◆ **Given records**
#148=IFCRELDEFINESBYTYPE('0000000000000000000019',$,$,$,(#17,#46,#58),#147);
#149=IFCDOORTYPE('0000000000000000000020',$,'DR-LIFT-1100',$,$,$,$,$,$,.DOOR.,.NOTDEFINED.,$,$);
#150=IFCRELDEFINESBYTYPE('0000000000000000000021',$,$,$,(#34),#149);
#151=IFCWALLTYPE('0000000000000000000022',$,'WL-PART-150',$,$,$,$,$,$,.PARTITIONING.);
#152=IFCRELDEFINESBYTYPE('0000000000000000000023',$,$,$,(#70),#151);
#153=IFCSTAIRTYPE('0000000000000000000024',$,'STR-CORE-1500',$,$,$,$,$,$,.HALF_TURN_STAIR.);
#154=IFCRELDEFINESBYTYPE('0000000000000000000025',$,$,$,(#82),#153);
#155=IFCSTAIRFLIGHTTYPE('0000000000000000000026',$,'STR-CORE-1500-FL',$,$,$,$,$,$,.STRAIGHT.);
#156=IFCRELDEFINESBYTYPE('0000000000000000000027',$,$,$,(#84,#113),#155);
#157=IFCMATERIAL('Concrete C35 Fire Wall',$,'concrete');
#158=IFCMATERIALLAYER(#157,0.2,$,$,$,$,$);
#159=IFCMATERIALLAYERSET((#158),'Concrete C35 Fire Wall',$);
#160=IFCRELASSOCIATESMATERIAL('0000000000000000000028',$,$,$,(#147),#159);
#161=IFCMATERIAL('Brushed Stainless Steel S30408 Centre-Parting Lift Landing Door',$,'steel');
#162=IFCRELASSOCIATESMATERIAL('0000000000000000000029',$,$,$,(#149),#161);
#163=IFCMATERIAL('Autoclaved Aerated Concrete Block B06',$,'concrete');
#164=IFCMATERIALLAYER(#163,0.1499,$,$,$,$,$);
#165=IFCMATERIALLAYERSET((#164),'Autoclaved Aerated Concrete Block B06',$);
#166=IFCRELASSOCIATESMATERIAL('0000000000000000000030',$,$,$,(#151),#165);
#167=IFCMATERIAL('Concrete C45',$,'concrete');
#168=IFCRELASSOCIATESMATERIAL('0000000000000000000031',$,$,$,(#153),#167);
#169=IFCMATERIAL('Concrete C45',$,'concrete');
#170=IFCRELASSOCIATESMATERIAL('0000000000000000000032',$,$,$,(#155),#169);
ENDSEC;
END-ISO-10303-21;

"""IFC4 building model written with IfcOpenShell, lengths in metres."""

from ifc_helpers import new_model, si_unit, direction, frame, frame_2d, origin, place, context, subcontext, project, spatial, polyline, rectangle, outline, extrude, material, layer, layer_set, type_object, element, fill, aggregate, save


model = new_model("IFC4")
* * *
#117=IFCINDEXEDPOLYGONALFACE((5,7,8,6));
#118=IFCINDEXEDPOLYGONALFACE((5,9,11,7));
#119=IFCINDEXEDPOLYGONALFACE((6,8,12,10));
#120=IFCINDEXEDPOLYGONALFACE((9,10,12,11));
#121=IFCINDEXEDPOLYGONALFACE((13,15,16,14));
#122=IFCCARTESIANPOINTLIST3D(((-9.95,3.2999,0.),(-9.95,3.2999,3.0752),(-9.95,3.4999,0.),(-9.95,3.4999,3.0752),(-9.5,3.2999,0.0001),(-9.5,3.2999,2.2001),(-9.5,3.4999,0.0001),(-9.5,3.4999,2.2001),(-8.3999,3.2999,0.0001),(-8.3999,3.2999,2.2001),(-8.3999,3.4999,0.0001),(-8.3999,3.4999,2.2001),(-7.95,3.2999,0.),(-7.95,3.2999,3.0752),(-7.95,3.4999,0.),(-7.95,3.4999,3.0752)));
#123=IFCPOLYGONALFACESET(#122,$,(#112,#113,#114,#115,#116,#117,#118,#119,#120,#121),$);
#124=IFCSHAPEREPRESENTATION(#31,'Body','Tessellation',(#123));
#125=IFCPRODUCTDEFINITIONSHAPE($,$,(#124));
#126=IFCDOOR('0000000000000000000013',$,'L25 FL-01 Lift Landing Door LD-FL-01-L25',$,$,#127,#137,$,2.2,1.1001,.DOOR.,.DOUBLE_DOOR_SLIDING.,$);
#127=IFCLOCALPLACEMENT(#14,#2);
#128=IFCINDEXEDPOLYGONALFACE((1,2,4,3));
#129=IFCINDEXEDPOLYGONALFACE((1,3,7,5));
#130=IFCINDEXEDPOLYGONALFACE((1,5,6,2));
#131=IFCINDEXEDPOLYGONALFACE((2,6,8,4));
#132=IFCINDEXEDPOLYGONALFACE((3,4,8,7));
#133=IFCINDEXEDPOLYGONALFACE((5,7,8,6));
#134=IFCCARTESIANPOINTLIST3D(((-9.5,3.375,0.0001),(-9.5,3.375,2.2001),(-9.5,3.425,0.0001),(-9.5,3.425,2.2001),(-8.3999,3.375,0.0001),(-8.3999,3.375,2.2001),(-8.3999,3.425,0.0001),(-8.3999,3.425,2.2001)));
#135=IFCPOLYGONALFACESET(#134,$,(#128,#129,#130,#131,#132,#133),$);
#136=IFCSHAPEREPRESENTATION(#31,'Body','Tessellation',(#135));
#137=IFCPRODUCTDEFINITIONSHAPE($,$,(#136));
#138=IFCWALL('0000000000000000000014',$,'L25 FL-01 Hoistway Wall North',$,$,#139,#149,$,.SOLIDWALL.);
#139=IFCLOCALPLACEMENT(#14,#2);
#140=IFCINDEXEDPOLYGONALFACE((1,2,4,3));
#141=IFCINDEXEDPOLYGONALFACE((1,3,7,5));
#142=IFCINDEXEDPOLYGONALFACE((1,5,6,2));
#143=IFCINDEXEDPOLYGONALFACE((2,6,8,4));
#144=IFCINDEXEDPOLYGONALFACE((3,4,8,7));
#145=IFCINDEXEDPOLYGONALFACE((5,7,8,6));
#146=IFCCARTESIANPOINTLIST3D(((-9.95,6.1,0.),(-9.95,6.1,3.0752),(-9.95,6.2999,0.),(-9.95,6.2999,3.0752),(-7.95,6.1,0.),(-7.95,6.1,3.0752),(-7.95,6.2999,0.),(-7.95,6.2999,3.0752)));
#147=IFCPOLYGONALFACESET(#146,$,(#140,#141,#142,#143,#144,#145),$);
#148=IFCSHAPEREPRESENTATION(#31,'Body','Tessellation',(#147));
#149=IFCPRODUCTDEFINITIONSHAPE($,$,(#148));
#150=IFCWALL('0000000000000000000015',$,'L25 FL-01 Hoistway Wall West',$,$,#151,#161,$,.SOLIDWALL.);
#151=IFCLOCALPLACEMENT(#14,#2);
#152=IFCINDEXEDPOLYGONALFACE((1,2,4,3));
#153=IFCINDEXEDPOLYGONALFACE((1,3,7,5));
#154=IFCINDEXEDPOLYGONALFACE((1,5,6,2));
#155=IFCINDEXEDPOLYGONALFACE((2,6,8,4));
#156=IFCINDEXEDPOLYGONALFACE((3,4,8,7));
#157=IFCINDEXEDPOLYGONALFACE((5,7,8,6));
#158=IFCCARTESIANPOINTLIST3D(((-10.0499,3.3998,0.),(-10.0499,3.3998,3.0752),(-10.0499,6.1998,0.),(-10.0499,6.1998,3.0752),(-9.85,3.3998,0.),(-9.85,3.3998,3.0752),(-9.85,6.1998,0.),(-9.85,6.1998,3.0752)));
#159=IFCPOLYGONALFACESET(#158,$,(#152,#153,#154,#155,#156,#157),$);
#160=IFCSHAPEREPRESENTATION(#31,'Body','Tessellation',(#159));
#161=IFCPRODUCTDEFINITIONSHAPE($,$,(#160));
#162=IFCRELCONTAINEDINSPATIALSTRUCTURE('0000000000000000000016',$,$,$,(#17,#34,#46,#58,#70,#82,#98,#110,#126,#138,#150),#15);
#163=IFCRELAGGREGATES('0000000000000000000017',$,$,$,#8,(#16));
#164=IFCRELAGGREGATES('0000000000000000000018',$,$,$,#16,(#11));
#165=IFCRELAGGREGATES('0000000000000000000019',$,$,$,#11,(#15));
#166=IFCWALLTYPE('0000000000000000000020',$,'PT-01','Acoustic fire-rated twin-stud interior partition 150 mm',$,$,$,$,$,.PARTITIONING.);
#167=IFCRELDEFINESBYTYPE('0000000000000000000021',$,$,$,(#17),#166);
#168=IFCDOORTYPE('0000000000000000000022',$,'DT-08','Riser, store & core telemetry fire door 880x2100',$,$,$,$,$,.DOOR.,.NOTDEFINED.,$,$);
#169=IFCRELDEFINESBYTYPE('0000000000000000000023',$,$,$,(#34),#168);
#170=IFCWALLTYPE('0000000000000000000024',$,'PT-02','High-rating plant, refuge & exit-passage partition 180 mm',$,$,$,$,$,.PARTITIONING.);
...
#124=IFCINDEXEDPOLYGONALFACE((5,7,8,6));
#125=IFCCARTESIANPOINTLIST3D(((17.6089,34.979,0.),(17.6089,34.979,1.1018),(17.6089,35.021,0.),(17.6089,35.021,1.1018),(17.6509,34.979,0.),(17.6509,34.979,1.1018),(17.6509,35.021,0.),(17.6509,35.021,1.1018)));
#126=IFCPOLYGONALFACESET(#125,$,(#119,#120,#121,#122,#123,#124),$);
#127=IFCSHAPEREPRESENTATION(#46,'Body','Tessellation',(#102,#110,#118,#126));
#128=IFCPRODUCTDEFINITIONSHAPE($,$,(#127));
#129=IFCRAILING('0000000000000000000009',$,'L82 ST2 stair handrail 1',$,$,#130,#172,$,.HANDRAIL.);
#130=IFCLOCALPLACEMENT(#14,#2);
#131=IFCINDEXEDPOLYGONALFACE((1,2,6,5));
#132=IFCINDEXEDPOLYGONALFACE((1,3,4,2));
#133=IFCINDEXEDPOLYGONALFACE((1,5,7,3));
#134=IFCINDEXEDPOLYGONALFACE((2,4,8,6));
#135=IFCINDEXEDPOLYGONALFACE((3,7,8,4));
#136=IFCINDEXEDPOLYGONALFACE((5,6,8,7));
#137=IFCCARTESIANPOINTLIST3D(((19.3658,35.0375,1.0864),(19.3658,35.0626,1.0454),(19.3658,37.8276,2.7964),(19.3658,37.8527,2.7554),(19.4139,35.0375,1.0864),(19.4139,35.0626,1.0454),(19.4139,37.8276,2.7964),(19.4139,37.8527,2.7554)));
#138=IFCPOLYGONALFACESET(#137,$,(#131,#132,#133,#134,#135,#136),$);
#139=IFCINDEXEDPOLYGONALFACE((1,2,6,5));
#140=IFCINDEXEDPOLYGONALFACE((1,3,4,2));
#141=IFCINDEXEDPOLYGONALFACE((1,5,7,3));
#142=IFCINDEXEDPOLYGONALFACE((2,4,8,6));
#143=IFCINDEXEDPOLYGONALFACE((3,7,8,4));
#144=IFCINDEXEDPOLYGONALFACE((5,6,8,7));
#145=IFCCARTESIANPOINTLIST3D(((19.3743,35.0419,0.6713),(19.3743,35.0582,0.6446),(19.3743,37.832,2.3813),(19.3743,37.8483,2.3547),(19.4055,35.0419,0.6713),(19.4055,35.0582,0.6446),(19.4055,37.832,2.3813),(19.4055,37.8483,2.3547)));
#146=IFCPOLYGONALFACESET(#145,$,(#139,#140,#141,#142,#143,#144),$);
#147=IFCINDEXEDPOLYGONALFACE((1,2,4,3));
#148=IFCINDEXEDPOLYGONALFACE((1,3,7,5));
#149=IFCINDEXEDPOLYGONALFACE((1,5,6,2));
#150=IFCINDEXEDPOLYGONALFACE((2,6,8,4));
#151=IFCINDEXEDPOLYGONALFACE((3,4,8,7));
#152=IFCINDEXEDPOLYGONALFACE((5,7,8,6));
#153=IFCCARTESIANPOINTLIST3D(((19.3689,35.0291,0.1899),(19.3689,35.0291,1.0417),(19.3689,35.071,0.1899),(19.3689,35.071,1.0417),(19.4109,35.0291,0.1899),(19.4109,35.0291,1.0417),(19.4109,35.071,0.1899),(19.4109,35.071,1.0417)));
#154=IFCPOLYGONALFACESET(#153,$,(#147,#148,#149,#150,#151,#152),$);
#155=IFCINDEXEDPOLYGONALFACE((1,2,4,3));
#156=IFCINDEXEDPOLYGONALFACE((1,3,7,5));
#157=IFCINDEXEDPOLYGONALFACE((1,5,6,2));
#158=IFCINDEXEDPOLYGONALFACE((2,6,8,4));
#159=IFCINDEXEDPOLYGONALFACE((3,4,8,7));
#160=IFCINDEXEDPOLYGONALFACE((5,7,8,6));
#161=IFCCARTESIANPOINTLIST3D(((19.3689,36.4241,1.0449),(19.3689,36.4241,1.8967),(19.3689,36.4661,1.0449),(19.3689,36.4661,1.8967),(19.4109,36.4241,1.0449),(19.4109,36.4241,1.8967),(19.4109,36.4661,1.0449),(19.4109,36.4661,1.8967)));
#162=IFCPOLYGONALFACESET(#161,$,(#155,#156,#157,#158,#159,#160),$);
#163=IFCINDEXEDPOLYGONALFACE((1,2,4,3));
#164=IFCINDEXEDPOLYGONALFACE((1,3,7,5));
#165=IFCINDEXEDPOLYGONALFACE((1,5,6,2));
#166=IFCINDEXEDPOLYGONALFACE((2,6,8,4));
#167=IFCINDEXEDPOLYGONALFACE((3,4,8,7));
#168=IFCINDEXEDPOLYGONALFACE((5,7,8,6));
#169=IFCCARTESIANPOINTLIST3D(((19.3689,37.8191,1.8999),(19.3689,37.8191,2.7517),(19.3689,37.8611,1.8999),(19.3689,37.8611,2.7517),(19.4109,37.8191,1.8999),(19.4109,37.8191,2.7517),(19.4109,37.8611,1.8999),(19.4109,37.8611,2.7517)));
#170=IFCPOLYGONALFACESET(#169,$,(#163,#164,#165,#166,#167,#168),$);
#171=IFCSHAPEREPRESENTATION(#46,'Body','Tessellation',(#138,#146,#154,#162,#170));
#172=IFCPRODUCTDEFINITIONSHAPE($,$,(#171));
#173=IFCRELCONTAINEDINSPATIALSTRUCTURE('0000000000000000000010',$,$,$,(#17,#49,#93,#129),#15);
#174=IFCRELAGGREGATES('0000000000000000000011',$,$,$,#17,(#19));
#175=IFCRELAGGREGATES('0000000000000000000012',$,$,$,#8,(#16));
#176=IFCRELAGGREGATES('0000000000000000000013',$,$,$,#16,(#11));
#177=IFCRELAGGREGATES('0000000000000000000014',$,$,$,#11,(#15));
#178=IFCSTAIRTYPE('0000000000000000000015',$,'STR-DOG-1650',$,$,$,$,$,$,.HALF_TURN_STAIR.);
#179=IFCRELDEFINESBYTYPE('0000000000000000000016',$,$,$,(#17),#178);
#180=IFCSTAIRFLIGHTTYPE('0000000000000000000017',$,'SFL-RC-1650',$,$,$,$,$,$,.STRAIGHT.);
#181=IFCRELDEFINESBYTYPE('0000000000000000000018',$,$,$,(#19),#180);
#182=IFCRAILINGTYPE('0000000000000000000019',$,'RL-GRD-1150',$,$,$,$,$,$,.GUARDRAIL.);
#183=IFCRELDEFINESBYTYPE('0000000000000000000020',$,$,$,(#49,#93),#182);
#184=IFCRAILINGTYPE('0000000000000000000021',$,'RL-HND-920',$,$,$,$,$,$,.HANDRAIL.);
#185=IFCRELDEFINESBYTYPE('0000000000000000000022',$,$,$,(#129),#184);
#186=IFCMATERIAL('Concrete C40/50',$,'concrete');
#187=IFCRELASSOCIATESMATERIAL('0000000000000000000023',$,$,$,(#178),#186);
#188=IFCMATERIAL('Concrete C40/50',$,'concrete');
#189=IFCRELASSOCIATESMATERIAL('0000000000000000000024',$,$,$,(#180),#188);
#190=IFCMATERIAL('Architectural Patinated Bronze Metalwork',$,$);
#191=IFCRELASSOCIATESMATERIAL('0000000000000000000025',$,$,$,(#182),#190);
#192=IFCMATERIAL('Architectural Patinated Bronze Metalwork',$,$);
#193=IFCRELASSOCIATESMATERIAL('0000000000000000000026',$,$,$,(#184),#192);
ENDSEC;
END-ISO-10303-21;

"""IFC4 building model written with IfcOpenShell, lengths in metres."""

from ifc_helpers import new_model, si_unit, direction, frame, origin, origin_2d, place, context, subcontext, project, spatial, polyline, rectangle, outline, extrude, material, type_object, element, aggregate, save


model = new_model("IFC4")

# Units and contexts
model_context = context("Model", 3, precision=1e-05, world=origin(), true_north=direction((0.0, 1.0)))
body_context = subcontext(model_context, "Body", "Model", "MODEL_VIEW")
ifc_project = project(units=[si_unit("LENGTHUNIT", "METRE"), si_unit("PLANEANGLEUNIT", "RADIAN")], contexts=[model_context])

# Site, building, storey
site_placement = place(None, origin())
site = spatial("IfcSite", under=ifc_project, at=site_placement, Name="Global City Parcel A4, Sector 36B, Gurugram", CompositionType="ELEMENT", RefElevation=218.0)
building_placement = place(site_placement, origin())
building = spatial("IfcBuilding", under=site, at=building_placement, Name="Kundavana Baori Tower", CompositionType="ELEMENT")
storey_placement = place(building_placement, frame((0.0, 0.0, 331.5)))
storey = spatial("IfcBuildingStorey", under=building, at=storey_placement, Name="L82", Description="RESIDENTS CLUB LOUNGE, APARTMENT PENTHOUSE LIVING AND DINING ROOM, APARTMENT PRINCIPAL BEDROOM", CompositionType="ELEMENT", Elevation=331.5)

◆ **Exercise instructions**
Look through the material and copy each line that has "IFCSTAIRFLIGHTTYPE".

◆ **Exercise output**
#155=IFCSTAIRFLIGHTTYPE('0000000000000000000026',$,'STR-CORE-1500-FL',$,$,$,$,$,$,.STRAIGHT.);
#180=IFCSTAIRFLIGHTTYPE('0000000000000000000017',$,'SFL-RC-1650',$,$,$,$,$,$,.STRAIGHT.);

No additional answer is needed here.